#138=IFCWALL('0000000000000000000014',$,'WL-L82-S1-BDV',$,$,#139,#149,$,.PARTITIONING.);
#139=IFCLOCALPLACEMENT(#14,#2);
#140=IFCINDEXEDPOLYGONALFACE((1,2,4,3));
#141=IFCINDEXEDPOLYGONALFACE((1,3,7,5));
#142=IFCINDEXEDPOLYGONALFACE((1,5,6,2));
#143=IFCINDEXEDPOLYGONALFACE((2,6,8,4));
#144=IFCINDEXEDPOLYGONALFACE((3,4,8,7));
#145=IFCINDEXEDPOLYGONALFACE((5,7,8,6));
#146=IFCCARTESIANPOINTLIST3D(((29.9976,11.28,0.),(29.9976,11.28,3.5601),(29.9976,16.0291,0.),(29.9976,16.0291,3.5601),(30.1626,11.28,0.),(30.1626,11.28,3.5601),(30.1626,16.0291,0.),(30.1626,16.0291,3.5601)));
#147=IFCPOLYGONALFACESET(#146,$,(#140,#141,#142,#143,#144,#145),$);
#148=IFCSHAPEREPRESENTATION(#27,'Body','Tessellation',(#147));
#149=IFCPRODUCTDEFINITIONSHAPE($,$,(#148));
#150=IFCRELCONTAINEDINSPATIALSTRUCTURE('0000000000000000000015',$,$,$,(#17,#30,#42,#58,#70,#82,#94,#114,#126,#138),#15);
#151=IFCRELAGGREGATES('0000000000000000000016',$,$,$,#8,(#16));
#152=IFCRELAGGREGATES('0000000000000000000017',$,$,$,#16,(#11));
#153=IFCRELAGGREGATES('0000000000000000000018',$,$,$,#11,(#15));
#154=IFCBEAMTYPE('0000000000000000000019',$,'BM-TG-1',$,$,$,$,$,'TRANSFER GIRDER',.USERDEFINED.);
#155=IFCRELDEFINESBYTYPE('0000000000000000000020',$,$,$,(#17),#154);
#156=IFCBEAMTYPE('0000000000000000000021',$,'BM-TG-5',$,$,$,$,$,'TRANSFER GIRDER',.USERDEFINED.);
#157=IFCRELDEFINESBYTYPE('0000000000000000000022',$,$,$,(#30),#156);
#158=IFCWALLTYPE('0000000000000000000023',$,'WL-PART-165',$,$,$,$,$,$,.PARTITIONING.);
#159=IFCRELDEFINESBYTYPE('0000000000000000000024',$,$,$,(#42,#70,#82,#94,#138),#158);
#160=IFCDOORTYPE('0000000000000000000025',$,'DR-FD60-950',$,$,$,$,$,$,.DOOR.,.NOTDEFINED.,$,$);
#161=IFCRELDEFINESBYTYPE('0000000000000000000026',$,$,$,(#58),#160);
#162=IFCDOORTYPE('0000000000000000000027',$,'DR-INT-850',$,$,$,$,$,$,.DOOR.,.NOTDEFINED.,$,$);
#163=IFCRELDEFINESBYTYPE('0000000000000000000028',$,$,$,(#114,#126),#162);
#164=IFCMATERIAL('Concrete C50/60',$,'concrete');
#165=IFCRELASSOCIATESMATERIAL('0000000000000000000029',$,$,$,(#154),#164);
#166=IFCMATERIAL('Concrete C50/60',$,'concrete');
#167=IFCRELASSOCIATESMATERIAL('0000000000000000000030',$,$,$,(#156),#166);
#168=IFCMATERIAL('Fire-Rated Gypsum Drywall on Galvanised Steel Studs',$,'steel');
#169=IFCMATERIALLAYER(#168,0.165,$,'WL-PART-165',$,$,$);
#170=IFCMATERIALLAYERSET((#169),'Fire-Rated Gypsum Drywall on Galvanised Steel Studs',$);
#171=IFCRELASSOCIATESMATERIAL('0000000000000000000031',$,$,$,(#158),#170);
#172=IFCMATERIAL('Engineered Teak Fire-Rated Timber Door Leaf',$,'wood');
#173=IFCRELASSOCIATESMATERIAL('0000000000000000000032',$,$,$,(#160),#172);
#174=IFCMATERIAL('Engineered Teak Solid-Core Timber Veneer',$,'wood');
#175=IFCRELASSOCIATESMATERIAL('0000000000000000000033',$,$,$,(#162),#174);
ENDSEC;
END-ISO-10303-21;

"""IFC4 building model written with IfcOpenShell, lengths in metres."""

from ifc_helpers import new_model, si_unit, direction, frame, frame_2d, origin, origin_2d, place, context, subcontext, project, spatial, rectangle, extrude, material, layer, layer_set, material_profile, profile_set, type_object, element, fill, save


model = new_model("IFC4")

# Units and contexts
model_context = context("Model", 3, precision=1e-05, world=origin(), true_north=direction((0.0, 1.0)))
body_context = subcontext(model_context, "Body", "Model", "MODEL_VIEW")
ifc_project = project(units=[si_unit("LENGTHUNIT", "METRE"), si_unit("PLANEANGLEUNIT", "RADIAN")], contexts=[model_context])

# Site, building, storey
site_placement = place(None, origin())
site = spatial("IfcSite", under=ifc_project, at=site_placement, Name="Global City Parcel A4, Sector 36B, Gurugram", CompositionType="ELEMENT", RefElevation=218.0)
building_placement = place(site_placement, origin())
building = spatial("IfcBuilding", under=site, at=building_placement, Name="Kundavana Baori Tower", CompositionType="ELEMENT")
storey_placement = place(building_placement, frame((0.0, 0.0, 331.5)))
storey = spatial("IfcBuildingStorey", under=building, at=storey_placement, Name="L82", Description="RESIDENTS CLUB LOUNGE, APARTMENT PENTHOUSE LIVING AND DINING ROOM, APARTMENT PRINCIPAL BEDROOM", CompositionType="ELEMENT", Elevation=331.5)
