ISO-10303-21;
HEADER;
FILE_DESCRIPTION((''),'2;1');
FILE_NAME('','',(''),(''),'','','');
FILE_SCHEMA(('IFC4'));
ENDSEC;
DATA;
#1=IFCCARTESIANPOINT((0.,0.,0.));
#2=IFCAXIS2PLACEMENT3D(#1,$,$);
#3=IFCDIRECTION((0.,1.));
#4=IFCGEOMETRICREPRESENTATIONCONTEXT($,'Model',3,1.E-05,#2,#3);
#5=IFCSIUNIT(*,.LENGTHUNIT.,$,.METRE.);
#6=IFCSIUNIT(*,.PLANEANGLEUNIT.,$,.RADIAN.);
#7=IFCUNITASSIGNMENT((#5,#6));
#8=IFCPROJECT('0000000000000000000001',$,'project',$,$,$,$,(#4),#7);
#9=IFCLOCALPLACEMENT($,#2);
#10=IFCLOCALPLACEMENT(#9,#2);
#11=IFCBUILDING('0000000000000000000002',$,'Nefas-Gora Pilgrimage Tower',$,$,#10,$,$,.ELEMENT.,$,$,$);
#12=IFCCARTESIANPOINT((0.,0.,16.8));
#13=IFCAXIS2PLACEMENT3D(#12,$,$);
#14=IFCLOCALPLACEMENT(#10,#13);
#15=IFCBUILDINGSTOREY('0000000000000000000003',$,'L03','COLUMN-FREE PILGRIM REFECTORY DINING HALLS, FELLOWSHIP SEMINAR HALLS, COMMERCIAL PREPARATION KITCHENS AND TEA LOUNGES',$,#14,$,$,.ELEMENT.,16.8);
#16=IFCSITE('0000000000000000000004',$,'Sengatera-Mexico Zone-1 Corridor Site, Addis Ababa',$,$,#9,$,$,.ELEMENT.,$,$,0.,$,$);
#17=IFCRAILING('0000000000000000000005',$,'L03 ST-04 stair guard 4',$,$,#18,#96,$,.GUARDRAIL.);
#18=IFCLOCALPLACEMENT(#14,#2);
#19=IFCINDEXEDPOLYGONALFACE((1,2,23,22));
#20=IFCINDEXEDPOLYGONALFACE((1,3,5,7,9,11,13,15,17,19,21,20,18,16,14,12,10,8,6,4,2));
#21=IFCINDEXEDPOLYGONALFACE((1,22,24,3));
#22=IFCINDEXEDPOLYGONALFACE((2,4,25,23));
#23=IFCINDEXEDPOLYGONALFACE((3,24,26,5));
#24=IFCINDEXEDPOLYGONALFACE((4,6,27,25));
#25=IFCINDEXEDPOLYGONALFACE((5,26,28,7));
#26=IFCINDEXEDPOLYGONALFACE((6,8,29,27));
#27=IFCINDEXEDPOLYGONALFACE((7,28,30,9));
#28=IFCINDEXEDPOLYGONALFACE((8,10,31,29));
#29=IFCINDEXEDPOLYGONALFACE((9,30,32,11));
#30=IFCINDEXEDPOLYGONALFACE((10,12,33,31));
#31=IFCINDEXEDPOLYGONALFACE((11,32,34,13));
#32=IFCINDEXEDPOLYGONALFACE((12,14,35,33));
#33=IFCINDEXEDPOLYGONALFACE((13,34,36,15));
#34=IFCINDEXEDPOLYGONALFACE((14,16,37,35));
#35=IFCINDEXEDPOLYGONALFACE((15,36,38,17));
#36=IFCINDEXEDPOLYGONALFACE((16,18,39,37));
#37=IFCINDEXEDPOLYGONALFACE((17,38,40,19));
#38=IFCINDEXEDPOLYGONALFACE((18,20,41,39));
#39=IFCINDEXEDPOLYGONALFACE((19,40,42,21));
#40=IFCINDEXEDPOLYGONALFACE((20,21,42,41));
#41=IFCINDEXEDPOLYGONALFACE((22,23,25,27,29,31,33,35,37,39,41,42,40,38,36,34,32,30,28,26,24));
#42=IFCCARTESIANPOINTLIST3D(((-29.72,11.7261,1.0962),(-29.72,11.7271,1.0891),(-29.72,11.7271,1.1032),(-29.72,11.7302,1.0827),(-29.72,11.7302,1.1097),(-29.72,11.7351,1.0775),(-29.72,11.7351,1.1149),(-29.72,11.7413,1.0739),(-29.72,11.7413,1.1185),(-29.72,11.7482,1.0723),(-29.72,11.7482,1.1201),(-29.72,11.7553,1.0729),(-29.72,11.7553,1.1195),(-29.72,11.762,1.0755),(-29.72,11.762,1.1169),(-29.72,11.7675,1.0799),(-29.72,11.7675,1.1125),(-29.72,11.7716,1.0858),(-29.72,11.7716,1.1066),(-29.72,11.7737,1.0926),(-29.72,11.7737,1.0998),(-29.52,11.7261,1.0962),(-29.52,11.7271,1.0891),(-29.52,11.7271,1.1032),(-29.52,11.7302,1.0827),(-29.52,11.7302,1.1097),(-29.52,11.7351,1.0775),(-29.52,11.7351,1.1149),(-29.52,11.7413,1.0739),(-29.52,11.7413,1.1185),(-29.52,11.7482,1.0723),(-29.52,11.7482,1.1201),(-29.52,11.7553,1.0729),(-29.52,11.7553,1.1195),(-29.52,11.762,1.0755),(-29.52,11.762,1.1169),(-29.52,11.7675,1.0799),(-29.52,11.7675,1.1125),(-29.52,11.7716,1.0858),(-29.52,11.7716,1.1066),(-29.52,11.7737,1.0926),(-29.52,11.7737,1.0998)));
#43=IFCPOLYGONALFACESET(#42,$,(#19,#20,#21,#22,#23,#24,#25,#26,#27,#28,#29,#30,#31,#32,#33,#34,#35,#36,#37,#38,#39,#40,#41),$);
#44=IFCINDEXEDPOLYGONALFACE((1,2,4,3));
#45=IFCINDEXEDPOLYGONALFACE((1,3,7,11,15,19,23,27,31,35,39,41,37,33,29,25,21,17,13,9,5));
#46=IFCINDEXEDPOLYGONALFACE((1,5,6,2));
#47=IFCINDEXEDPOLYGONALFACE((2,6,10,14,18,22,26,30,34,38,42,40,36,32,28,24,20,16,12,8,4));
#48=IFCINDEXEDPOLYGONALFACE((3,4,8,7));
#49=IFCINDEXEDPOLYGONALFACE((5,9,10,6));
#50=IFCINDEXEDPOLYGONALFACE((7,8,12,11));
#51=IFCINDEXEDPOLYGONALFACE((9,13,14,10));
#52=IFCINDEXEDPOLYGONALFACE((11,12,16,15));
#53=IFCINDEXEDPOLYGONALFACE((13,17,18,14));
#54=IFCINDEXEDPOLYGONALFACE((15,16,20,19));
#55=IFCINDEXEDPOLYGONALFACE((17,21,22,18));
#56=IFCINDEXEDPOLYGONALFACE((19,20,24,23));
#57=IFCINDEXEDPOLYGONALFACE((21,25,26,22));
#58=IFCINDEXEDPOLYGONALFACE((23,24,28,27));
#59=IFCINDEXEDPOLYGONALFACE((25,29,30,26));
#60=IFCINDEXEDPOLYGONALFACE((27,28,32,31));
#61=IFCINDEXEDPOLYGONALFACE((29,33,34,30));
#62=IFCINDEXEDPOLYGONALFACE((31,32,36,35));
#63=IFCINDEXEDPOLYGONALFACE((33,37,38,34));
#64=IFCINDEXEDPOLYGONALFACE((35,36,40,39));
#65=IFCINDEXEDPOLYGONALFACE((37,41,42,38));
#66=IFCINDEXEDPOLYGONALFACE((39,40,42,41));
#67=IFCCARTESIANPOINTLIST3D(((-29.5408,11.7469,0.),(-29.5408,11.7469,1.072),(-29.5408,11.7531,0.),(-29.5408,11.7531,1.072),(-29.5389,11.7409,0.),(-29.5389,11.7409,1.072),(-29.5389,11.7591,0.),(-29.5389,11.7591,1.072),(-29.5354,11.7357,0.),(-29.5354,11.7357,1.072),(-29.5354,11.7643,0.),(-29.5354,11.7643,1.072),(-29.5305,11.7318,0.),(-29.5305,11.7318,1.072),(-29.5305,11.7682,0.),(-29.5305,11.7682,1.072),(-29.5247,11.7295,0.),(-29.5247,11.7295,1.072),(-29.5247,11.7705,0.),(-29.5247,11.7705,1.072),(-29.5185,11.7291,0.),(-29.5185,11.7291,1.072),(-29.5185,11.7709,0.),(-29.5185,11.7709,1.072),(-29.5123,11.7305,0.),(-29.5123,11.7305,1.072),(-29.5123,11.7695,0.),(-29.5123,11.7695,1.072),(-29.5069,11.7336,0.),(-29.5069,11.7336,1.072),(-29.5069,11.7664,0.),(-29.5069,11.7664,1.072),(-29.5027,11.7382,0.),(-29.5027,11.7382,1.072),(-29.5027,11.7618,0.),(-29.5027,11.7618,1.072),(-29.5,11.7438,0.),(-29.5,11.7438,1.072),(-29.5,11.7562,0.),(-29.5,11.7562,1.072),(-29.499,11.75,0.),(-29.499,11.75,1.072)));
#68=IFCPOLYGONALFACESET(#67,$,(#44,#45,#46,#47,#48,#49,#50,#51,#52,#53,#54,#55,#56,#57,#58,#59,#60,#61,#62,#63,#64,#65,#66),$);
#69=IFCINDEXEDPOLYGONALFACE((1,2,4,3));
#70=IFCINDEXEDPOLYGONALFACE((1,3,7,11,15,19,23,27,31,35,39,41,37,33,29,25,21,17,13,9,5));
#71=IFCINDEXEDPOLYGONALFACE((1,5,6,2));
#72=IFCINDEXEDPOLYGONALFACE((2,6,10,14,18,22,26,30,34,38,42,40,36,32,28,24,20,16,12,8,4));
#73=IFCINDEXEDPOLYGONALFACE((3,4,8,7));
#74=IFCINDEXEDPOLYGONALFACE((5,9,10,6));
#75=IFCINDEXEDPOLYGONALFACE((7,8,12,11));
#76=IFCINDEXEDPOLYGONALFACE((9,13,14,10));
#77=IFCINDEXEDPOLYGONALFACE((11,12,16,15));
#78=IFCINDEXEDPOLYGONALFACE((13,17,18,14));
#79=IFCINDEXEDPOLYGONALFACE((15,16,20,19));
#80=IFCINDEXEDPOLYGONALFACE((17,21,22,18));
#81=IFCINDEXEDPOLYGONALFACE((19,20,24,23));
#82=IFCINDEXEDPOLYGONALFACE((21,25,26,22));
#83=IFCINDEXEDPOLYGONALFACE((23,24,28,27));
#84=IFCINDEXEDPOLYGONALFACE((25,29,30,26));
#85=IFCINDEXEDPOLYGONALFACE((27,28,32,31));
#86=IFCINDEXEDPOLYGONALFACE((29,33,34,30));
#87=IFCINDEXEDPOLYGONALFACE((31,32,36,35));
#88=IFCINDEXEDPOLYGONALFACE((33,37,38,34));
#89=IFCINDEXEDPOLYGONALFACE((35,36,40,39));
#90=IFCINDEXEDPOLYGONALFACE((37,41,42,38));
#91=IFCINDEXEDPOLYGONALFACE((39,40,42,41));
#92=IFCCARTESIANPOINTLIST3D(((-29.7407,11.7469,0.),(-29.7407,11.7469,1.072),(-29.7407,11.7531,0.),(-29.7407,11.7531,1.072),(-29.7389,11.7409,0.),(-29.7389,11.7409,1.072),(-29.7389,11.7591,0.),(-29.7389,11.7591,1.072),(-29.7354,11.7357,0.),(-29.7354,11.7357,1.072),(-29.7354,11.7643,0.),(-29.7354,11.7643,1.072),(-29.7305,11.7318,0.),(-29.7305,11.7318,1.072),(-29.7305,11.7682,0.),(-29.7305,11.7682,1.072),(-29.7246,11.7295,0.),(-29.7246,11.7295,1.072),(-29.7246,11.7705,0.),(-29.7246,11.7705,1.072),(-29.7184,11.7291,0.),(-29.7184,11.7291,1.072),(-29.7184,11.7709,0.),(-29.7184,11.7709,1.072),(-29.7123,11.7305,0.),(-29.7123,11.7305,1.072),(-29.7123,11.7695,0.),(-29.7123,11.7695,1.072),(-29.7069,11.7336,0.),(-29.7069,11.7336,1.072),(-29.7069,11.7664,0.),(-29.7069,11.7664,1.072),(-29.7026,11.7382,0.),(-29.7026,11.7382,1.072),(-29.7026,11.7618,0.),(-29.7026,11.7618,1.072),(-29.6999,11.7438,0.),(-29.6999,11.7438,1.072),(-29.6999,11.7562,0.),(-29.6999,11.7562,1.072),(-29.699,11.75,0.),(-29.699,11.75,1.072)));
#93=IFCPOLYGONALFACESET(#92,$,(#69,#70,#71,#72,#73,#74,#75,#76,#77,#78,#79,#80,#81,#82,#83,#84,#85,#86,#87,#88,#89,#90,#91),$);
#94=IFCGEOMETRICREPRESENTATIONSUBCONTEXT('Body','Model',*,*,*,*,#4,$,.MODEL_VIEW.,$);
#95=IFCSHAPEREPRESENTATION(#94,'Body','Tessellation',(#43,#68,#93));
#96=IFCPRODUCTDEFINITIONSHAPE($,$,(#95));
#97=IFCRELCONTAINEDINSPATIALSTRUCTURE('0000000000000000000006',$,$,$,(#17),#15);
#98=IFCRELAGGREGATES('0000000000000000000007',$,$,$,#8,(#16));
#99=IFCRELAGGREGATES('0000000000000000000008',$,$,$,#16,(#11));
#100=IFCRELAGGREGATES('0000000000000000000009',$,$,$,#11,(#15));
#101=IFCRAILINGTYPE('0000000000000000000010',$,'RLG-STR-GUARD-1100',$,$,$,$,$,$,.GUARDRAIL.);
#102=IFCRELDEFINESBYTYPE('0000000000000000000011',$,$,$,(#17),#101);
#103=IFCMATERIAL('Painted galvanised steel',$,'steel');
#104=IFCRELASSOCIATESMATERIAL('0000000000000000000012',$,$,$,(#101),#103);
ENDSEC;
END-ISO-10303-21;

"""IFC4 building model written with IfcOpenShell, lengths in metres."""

from ifc_helpers import new_model, si_unit, direction, frame, origin, origin_2d, place, context, subcontext, project, spatial, circle, extrude, material, type_object, element, save


model = new_model("IFC4")

# Units and contexts
model_context = context("Model", 3, precision=1e-05, world=origin(), true_north=direction((0.0, 1.0)))
body_context = subcontext(model_context, "Body", "Model", "MODEL_VIEW")
ifc_project = project(units=[si_unit("LENGTHUNIT", "METRE"), si_unit("PLANEANGLEUNIT", "RADIAN")], contexts=[model_context])

# Site, building, storey
site_placement = place(None, origin())
site = spatial("IfcSite", under=ifc_project, at=site_placement, Name="Sengatera-Mexico Zone-1 Corridor Site, Addis Ababa", CompositionType="ELEMENT", RefElevation=0.0)
building_placement = place(site_placement, origin())
building = spatial("IfcBuilding", under=site, at=building_placement, Name="Nefas-Gora Pilgrimage Tower", CompositionType="ELEMENT")
storey_placement = place(building_placement, frame((0.0, 0.0, 16.8)))
storey = spatial("IfcBuildingStorey", under=building, at=storey_placement, Name="L03", Description="COLUMN-FREE PILGRIM REFECTORY DINING HALLS, FELLOWSHIP SEMINAR HALLS, COMMERCIAL PREPARATION KITCHENS AND TEA LOUNGES", CompositionType="ELEMENT", Elevation=16.8)

# Railing
ifc_material_1 = material(Name="Painted galvanised steel", Category="steel")
railing_type_1 = type_object("IfcRailingType", Name="RLG-STR-GUARD-1100", PredefinedType="GUARDRAIL", material=ifc_material_1)
railing_1_placement = place(storey_placement, frame((-29.52, 11.75, 0.0)))
element("IfcRailing", 1, at=railing_1_placement, inside=storey, type_object=railing_type_1, Name="L03 ST-04 stair guard 4", PredefinedType="GUARDRAIL", context=body_context, shape_type="SweptSolid", body=[
    extrude(circle(Radius=0.0239, at=origin_2d()), frame((0.0, 0.0, 1.0962), z_axis=(-1.0, 0.0, 0.0), x_axis=(0.0, -1.0, 0.0)), (0.0, 0.0, 1.0), 0.2),
    extrude(circle(Radius=0.021, at=origin_2d()), origin(), (0.0, 0.0, 1.0), 1.072),
    extrude(circle(Radius=0.021, at=origin_2d()), frame((-0.2, 0.0, 0.0)), (0.0, 0.0, 1.0), 1.072),
])

save(model, "model.ifc")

* * * * * * *

> [WHAT YOU SHOULD DO] Extract each line from the listing that holds the word "NOTDEFINED".

> [SOLUTION]
#160=IFCDOORTYPE('0000000000000000000025',$,'DR-FD60-950',$,$,$,$,$,$,.DOOR.,.NOTDEFINED.,$,$);
#162=IFCDOORTYPE('0000000000000000000027',$,'DR-INT-850',$,$,$,$,$,$,.DOOR.,.NOTDEFINED.,$,$);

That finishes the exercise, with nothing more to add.